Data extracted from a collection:
+ + + + + + +

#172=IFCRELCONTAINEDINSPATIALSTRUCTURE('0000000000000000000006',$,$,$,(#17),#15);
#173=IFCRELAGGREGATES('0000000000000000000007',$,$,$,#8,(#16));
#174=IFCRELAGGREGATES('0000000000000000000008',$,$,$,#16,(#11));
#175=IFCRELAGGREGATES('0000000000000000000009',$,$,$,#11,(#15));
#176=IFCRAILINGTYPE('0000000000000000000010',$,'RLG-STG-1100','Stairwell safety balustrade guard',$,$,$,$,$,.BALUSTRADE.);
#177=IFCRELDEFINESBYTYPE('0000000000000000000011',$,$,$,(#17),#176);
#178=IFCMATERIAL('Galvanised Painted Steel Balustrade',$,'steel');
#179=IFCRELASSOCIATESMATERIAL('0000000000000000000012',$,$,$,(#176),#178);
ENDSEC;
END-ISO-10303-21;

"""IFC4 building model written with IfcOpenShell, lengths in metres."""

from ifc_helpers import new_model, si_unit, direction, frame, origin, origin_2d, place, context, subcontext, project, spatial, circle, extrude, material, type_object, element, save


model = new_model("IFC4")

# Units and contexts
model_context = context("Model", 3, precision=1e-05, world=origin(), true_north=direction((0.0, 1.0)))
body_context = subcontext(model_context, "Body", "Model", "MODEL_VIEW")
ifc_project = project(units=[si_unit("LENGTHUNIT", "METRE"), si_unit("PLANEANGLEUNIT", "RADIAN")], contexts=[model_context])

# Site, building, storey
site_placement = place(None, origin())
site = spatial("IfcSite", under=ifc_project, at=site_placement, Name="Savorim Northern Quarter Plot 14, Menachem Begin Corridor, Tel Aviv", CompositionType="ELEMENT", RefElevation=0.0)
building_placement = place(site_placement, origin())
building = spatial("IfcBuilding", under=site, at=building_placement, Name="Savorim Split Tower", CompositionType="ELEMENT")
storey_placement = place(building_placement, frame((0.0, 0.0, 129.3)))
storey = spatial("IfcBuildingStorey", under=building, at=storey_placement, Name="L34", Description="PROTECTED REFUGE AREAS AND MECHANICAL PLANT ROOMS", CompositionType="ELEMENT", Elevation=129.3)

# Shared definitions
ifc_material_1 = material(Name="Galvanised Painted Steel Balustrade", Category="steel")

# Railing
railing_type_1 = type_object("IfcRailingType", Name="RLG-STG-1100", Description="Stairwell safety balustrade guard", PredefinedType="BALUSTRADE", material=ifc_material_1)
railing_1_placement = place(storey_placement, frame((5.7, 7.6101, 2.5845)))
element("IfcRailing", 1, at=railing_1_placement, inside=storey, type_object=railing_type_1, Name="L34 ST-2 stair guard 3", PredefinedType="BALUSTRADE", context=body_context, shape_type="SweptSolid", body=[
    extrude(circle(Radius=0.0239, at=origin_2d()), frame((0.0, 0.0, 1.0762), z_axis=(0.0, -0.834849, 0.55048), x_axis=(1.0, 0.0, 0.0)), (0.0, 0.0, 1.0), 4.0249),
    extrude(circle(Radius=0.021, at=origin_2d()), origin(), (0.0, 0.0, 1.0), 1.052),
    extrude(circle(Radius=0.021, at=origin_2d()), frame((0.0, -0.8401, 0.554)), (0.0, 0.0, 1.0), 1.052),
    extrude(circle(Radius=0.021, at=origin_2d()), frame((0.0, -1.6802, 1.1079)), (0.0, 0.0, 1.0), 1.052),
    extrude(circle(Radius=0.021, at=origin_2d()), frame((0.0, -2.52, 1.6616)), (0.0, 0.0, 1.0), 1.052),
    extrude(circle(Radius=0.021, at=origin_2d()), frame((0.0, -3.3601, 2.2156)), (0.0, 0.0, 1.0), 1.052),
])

+ + + + + + +

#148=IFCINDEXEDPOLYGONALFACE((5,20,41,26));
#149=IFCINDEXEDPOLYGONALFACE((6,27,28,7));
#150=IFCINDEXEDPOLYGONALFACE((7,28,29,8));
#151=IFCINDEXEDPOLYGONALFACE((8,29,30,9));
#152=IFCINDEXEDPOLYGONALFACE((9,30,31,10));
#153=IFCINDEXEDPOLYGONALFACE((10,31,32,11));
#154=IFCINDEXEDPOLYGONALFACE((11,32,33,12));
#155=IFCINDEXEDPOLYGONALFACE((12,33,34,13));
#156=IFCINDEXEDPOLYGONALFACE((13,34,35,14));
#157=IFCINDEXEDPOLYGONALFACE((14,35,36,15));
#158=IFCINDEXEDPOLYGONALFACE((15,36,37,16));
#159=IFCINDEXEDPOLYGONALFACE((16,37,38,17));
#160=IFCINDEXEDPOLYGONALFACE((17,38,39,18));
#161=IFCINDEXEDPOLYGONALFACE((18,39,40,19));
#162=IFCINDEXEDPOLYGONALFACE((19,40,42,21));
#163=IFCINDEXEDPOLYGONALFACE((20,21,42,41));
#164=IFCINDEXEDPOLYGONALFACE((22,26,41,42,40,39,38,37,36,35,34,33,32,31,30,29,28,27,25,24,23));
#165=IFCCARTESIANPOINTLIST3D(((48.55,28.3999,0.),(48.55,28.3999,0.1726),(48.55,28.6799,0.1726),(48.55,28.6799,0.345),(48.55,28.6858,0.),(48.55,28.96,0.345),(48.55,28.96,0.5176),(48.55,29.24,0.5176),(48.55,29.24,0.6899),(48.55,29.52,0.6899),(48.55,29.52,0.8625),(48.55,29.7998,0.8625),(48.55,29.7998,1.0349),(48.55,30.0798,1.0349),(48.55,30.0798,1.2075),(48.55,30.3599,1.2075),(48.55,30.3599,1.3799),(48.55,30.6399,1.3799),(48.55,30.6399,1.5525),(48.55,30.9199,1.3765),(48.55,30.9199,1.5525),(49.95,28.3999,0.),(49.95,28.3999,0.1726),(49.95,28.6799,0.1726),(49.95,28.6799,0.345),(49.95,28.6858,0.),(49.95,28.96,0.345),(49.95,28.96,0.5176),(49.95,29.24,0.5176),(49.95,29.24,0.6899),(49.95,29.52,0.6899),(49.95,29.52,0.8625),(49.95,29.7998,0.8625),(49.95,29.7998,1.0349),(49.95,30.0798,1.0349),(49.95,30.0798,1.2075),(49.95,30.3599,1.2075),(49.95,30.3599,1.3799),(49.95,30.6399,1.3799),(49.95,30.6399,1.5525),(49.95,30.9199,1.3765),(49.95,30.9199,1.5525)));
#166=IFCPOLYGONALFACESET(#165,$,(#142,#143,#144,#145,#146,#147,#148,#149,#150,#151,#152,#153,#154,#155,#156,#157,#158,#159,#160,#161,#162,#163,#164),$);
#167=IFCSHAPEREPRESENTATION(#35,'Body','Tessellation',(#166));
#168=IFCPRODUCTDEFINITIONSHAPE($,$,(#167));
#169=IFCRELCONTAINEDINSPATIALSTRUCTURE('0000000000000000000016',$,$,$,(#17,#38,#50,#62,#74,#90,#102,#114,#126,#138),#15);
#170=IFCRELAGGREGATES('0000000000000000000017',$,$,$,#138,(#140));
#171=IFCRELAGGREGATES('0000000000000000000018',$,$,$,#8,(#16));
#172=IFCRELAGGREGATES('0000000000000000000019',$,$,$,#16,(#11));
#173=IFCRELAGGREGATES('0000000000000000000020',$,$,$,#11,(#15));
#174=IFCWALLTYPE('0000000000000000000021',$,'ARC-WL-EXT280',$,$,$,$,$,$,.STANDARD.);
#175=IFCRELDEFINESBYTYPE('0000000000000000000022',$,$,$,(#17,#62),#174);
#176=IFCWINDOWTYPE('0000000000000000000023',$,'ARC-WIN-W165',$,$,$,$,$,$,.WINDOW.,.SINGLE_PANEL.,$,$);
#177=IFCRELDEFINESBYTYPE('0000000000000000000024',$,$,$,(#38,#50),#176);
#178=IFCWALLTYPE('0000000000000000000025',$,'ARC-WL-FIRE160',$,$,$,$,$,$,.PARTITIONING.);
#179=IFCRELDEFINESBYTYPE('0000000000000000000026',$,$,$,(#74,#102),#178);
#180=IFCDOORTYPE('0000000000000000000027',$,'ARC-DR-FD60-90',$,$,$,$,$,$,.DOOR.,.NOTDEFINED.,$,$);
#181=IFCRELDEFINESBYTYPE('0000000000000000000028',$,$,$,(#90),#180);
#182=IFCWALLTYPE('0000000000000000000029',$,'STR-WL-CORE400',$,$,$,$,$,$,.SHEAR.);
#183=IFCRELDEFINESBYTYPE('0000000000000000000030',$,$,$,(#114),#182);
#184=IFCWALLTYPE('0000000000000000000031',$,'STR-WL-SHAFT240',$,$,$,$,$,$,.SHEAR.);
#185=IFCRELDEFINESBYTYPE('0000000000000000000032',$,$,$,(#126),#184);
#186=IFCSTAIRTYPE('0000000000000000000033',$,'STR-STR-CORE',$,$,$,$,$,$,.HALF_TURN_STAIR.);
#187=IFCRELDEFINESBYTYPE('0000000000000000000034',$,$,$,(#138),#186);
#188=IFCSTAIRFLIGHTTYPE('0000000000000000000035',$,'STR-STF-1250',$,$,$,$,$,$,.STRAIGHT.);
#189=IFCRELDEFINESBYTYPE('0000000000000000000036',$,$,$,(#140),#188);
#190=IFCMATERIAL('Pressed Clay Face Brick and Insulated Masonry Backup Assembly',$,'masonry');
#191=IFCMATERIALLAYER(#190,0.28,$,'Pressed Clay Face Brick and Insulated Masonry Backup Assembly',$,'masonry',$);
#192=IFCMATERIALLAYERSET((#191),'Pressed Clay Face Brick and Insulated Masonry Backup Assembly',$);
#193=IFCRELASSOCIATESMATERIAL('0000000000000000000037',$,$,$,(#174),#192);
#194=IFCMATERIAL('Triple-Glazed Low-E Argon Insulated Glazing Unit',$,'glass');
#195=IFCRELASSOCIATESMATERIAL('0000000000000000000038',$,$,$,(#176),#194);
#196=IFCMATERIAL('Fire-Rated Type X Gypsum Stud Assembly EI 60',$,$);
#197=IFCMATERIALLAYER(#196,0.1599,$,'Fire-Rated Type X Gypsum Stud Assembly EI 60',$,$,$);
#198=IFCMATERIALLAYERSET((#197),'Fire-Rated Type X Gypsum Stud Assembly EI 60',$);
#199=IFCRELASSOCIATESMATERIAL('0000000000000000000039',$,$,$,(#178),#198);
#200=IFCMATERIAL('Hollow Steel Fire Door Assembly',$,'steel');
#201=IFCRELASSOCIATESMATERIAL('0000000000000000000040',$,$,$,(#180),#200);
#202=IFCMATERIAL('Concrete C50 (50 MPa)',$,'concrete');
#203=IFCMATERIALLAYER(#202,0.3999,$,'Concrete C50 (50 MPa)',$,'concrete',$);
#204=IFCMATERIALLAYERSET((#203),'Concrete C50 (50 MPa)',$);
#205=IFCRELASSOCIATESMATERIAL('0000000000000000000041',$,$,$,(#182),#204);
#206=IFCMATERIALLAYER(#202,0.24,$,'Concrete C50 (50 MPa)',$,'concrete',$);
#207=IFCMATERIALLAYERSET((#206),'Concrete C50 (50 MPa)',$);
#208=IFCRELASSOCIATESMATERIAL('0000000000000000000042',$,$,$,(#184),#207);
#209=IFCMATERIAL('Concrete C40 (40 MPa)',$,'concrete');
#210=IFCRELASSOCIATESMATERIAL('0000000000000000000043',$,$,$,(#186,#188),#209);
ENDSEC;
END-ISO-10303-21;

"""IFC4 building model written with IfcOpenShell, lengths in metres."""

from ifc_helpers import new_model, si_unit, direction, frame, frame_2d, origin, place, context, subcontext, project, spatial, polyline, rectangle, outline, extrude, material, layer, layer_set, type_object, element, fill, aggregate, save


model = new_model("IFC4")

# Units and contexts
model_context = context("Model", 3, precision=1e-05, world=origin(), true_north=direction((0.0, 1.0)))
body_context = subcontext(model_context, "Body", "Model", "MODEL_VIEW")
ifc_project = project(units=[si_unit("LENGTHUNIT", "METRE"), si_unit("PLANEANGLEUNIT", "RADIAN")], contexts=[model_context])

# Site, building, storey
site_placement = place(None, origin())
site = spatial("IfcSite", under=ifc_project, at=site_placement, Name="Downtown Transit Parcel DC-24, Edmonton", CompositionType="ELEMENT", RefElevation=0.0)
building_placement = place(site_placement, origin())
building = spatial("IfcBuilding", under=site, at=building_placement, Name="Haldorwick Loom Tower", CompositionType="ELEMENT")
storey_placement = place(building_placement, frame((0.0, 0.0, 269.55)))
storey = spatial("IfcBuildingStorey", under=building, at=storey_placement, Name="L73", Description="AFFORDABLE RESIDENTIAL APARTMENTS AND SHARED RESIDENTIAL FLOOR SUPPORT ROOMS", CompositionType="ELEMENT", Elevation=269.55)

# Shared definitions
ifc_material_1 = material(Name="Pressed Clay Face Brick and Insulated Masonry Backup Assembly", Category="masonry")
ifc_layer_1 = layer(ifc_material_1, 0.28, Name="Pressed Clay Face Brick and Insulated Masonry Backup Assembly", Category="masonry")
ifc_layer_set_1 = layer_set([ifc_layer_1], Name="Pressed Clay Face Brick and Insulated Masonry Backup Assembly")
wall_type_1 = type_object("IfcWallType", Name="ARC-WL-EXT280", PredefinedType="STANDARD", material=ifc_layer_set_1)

+ + + + + + +

### Your goal
Above are the entries. Copy exactly the part that opens with the line containing "#200=IFCMATERIAL('Hollow Steel Fire" and closes with the line containing "#207=IFCMATERIALLAYERSET((#206),'Concrete C50 (50", and no more.

### Solution to this exercise
#200=IFCMATERIAL('Hollow Steel Fire Door Assembly',$,'steel');
#201=IFCRELASSOCIATESMATERIAL('0000000000000000000040',$,$,$,(#180),#200);
#202=IFCMATERIAL('Concrete C50 (50 MPa)',$,'concrete');
#203=IFCMATERIALLAYER(#202,0.3999,$,'Concrete C50 (50 MPa)',$,'concrete',$);
#204=IFCMATERIALLAYERSET((#203),'Concrete C50 (50 MPa)',$);
#205=IFCRELASSOCIATESMATERIAL('0000000000000000000041',$,$,$,(#182),#204);
#206=IFCMATERIALLAYER(#202,0.24,$,'Concrete C50 (50 MPa)',$,'concrete',$);
#207=IFCMATERIALLAYERSET((#206),'Concrete C50 (50 MPa)',$);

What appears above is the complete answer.